Assignment:
The answer should be each line of the records that contains the word "IFCRELASSOCIATESMATERIAL"; please copy them all.
Excerpted records START
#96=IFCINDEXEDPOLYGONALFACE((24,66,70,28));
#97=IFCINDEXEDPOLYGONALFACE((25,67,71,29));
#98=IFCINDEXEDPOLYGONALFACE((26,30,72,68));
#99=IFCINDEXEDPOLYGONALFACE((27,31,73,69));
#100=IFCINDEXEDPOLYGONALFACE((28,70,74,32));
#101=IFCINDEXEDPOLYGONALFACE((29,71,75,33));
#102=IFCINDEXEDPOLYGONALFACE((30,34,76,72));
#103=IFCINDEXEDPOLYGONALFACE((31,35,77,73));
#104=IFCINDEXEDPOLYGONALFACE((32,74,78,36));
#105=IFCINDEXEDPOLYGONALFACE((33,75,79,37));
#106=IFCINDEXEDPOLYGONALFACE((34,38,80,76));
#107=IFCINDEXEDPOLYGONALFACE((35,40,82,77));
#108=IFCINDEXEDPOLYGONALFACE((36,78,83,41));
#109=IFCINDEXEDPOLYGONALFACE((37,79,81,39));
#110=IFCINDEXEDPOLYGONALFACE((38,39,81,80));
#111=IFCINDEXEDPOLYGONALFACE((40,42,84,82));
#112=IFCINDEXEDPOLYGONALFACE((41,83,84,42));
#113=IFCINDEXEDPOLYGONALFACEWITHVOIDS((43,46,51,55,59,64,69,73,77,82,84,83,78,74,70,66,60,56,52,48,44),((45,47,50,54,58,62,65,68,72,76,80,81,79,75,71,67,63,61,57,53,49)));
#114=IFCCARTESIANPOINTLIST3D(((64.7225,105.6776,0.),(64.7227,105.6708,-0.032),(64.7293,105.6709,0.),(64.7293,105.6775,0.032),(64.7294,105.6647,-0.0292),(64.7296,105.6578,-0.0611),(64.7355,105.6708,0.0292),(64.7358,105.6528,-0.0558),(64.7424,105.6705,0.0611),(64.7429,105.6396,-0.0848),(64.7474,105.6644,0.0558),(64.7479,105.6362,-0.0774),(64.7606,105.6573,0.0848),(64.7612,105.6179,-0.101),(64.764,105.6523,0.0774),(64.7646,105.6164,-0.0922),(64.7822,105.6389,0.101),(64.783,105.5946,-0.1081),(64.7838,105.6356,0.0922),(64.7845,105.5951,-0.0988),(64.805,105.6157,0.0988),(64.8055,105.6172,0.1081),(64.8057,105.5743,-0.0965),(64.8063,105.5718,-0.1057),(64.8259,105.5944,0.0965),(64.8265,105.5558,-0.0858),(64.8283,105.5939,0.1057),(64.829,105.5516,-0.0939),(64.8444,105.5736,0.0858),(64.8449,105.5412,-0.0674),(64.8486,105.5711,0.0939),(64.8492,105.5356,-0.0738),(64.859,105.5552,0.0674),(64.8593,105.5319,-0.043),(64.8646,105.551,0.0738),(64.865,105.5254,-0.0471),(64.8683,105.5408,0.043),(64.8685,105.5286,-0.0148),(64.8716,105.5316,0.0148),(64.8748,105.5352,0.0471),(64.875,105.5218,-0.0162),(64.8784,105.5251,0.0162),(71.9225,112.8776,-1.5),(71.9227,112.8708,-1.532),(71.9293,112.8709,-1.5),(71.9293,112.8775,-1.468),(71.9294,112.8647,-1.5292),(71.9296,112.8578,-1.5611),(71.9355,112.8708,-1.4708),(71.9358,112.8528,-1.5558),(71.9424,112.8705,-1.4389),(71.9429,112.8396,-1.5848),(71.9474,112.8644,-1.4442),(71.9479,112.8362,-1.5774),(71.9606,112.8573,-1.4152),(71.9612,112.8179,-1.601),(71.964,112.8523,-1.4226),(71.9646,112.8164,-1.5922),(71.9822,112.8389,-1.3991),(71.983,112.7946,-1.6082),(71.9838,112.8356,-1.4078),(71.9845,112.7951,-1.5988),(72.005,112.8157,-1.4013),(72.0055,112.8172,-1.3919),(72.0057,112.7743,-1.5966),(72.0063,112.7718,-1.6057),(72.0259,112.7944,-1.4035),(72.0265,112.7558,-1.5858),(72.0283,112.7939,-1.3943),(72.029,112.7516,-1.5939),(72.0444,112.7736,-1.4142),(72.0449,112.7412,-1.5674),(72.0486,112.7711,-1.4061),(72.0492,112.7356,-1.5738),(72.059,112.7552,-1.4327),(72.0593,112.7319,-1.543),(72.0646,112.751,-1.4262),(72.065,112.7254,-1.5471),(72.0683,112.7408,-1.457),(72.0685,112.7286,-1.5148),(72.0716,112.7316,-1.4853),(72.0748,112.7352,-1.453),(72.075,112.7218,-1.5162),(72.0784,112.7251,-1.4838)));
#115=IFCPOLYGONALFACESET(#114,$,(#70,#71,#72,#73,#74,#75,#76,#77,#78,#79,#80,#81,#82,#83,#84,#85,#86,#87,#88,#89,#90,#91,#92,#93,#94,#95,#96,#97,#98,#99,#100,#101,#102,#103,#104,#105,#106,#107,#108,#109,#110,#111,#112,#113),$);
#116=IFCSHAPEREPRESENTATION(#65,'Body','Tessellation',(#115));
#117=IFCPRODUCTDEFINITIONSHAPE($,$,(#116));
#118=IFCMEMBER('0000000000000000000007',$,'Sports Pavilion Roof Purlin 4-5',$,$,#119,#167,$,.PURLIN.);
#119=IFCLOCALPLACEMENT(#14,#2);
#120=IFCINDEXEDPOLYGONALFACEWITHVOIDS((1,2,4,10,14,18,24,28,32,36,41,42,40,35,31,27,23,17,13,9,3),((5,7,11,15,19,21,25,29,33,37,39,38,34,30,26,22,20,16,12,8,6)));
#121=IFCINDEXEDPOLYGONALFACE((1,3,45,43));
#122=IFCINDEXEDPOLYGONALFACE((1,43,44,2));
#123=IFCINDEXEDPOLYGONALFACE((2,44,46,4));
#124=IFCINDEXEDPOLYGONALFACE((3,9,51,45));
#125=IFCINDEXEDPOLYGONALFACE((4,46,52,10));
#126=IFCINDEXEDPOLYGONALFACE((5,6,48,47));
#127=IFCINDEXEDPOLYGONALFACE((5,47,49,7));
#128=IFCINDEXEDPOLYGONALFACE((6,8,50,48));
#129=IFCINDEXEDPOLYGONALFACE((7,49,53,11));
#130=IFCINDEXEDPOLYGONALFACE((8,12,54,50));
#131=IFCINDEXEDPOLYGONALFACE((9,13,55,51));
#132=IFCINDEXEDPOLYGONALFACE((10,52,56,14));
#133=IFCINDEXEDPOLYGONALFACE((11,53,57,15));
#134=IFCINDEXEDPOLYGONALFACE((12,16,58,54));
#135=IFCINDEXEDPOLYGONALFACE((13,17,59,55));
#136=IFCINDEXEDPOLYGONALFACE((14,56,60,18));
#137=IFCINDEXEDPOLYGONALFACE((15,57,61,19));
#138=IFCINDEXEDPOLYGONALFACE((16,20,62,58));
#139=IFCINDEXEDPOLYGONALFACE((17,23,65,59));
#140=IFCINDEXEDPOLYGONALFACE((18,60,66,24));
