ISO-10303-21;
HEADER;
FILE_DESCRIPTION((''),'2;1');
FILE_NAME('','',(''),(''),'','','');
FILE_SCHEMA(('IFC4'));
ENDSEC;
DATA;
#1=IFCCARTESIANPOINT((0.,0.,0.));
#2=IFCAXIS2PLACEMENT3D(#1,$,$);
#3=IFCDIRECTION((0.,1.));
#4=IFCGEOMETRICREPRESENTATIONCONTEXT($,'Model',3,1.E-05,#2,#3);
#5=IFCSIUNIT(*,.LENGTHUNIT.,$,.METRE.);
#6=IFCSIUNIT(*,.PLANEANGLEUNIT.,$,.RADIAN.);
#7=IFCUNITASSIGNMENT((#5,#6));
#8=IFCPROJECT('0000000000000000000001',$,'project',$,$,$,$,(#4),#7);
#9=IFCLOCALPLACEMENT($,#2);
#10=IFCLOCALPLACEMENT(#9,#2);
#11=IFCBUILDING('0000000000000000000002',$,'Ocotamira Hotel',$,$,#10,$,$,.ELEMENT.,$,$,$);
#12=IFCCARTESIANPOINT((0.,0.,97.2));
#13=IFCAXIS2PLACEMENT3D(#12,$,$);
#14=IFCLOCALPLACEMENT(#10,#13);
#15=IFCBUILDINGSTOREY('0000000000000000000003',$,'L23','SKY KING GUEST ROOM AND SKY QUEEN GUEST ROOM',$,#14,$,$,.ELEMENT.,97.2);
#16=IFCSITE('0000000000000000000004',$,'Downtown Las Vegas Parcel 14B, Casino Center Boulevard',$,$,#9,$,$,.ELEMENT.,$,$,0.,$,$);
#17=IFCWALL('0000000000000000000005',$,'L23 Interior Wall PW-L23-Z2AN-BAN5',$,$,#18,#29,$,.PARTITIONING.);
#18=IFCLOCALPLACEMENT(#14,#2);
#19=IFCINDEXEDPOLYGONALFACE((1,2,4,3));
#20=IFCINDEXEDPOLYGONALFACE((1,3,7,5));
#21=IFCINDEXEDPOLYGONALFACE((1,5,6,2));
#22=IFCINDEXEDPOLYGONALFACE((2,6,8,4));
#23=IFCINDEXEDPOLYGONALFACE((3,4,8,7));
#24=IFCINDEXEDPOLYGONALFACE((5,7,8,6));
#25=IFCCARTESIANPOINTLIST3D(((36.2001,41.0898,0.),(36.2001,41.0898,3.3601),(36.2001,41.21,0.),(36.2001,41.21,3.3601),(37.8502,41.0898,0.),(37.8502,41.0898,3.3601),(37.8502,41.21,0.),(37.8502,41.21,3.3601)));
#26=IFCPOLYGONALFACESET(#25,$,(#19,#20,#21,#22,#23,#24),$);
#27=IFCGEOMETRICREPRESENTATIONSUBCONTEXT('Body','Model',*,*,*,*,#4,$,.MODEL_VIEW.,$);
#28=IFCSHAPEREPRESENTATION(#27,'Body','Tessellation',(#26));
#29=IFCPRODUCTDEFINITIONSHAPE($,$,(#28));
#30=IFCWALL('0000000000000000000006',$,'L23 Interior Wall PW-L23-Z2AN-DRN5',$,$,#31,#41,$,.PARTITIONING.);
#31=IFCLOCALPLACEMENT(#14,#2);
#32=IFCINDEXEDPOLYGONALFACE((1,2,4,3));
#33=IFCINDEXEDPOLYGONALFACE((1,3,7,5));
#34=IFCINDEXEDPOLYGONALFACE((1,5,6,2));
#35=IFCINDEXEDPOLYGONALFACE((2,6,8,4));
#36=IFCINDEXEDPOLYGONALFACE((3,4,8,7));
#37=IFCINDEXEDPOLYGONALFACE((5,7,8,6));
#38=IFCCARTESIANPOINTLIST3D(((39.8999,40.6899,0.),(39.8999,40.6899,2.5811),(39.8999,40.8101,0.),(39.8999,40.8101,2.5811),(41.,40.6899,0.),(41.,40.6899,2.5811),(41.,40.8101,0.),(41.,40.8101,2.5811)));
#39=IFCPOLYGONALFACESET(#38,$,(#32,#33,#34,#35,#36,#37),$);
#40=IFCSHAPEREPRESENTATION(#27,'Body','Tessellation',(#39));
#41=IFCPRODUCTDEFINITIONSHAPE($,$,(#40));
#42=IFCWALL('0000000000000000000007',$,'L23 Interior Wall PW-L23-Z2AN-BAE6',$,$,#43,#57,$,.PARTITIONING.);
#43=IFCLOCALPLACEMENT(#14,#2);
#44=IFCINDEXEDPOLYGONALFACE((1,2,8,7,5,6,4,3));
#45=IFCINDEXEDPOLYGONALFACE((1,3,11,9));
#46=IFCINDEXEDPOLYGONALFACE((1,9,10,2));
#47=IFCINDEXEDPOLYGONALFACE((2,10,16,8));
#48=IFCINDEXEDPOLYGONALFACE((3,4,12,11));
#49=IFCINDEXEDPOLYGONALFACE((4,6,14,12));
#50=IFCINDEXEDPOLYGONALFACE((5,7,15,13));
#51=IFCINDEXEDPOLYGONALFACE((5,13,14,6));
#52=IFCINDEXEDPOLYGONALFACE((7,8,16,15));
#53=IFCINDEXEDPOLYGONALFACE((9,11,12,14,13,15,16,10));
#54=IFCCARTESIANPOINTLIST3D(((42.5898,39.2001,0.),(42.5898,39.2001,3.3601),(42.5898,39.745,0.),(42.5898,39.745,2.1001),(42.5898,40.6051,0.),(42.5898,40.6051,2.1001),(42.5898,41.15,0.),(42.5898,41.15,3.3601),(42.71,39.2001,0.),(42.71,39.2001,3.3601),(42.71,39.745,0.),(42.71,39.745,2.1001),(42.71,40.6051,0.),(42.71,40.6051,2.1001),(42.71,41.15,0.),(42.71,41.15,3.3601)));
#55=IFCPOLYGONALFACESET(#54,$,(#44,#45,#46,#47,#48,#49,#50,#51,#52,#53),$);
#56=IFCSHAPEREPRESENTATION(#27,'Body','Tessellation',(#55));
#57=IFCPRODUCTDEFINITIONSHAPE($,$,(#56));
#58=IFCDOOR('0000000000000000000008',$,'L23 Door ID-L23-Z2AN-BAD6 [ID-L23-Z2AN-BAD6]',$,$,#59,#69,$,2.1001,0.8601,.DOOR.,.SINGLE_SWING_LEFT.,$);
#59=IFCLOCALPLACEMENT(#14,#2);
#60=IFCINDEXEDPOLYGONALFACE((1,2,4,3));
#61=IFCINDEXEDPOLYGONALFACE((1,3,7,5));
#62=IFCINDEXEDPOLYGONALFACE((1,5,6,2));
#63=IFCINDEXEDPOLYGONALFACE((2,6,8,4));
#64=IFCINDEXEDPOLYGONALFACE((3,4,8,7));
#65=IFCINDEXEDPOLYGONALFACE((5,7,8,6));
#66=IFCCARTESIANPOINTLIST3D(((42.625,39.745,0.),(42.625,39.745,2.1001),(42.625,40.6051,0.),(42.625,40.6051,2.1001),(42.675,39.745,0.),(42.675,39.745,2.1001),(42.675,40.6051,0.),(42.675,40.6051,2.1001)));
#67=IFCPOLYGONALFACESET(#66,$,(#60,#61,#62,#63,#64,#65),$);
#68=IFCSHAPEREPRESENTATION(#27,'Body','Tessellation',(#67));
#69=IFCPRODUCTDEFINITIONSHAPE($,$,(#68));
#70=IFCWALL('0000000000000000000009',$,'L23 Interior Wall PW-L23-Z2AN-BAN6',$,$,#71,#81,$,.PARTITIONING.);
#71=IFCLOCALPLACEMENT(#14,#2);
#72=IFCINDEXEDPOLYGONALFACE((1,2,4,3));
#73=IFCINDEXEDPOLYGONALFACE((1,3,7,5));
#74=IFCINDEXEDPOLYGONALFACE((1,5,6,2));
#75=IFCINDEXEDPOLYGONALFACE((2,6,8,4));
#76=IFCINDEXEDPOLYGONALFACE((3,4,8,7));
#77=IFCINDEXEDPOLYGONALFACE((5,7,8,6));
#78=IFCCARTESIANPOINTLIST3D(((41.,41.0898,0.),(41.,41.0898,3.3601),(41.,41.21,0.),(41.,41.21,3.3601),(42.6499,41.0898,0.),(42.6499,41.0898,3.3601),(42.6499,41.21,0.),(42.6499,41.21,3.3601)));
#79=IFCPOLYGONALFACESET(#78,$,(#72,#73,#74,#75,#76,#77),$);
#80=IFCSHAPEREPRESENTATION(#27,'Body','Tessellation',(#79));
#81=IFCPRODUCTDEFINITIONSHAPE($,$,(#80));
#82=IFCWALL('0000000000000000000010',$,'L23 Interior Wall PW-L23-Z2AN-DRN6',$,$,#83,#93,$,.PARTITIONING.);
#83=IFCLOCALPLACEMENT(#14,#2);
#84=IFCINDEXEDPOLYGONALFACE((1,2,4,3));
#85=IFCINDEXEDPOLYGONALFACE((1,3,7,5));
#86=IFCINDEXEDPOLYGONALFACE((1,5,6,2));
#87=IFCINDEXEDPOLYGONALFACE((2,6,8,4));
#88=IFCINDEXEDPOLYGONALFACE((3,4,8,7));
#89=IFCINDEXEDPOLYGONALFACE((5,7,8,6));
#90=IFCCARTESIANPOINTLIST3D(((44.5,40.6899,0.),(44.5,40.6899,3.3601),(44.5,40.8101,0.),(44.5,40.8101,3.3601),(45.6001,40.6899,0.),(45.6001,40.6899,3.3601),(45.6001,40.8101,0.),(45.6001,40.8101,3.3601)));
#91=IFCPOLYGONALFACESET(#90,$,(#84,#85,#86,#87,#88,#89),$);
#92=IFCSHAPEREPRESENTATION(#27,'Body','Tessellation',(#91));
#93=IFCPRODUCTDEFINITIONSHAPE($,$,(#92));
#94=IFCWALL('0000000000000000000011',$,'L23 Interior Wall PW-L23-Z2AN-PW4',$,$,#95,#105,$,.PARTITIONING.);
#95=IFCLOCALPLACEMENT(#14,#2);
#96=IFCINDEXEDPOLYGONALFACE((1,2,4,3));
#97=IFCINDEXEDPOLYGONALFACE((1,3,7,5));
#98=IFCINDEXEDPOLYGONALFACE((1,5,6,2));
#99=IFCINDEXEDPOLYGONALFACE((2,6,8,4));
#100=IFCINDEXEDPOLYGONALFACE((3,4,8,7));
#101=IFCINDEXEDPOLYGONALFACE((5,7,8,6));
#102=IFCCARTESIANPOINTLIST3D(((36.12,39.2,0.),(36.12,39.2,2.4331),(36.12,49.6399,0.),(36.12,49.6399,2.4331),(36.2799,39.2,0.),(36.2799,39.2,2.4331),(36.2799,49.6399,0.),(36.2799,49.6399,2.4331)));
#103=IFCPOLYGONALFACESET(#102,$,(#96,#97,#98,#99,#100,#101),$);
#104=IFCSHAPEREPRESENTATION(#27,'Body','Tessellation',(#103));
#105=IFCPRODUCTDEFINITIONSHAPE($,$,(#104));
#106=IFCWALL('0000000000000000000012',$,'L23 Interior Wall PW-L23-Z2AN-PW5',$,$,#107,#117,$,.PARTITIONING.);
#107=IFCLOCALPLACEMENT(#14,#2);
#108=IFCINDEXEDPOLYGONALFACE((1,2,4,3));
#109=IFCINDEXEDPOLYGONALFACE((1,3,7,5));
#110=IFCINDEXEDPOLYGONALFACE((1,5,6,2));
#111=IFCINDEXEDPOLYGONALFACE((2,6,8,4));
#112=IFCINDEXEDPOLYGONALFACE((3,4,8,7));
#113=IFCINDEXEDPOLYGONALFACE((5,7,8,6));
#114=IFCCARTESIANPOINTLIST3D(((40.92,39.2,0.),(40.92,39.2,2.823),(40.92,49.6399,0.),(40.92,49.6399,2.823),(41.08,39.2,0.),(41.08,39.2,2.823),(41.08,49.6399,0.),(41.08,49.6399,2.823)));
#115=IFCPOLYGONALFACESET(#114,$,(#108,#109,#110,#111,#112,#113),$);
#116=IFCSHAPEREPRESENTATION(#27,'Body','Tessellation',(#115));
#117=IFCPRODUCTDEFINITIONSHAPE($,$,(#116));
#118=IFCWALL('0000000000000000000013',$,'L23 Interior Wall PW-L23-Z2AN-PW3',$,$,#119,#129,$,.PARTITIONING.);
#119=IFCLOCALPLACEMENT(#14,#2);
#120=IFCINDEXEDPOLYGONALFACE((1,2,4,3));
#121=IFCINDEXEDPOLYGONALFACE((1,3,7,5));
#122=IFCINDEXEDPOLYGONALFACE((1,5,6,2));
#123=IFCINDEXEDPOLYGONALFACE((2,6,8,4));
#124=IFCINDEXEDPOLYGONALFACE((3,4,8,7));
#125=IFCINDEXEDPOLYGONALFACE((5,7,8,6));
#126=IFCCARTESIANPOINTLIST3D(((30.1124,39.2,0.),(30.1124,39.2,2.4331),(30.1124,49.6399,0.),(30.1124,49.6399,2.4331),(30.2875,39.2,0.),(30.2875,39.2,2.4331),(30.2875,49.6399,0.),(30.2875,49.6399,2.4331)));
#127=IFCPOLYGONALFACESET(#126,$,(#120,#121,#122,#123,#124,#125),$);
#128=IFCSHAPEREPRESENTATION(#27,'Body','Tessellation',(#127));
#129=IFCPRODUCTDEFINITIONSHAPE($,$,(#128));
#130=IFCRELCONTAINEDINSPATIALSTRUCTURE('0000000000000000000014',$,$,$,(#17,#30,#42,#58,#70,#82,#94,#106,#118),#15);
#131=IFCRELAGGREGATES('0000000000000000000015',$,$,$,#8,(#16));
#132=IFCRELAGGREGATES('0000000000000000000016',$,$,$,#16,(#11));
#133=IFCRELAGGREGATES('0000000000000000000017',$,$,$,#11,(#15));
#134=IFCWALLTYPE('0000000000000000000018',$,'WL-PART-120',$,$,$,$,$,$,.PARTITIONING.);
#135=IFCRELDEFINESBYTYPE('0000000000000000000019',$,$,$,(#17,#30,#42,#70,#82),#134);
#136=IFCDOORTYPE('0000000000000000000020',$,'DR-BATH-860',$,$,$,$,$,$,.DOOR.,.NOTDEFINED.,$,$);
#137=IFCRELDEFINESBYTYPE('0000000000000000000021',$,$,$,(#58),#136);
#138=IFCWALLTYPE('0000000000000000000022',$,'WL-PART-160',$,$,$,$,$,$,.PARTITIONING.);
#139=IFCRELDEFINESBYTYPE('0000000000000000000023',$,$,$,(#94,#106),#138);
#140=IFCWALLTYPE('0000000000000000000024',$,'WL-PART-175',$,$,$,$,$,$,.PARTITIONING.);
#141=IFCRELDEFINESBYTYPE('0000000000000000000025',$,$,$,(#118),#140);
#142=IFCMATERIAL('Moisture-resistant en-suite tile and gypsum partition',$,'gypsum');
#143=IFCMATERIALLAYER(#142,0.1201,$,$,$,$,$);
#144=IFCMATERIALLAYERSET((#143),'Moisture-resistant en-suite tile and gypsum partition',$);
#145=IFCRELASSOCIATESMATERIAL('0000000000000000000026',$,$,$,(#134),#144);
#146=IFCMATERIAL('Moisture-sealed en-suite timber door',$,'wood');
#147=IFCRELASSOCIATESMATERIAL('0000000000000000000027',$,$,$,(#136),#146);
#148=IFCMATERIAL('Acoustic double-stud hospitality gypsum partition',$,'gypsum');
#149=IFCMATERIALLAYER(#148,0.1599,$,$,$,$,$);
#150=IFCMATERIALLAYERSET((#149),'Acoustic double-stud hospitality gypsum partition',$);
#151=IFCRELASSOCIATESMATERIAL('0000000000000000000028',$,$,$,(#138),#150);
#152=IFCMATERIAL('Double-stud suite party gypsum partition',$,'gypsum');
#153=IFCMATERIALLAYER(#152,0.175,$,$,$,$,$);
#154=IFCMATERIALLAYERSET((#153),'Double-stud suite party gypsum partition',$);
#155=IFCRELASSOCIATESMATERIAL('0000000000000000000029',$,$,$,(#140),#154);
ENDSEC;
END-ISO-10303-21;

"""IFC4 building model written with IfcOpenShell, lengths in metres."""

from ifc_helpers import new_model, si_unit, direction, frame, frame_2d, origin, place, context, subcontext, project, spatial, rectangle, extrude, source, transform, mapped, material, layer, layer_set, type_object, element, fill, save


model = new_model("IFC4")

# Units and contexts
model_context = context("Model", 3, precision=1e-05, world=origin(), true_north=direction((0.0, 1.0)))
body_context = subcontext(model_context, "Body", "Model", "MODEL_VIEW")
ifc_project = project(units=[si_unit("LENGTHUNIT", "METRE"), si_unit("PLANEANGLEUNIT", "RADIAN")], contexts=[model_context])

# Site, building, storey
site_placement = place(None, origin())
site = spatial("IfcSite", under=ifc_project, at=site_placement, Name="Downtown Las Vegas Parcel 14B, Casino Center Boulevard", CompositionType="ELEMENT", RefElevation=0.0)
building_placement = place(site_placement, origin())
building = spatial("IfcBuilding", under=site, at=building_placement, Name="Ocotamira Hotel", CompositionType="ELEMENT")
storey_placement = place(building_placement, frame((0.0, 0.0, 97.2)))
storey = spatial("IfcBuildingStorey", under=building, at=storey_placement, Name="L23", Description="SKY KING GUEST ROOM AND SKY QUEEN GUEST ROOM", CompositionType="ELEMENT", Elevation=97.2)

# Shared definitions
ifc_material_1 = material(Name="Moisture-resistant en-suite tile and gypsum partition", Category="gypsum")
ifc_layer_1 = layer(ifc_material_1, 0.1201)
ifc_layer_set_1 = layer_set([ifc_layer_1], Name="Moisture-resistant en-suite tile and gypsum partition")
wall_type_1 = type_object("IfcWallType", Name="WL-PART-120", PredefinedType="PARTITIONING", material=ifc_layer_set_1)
Excerpted records END
The completed task:
#145=IFCRELASSOCIATESMATERIAL('0000000000000000000026',$,$,$,(#134),#144);
#147=IFCRELASSOCIATESMATERIAL('0000000000000000000027',$,$,$,(#136),#146);
#151=IFCRELASSOCIATESMATERIAL('0000000000000000000028',$,$,$,(#138),#150);
#155=IFCRELASSOCIATESMATERIAL('0000000000000000000029',$,$,$,(#140),#154);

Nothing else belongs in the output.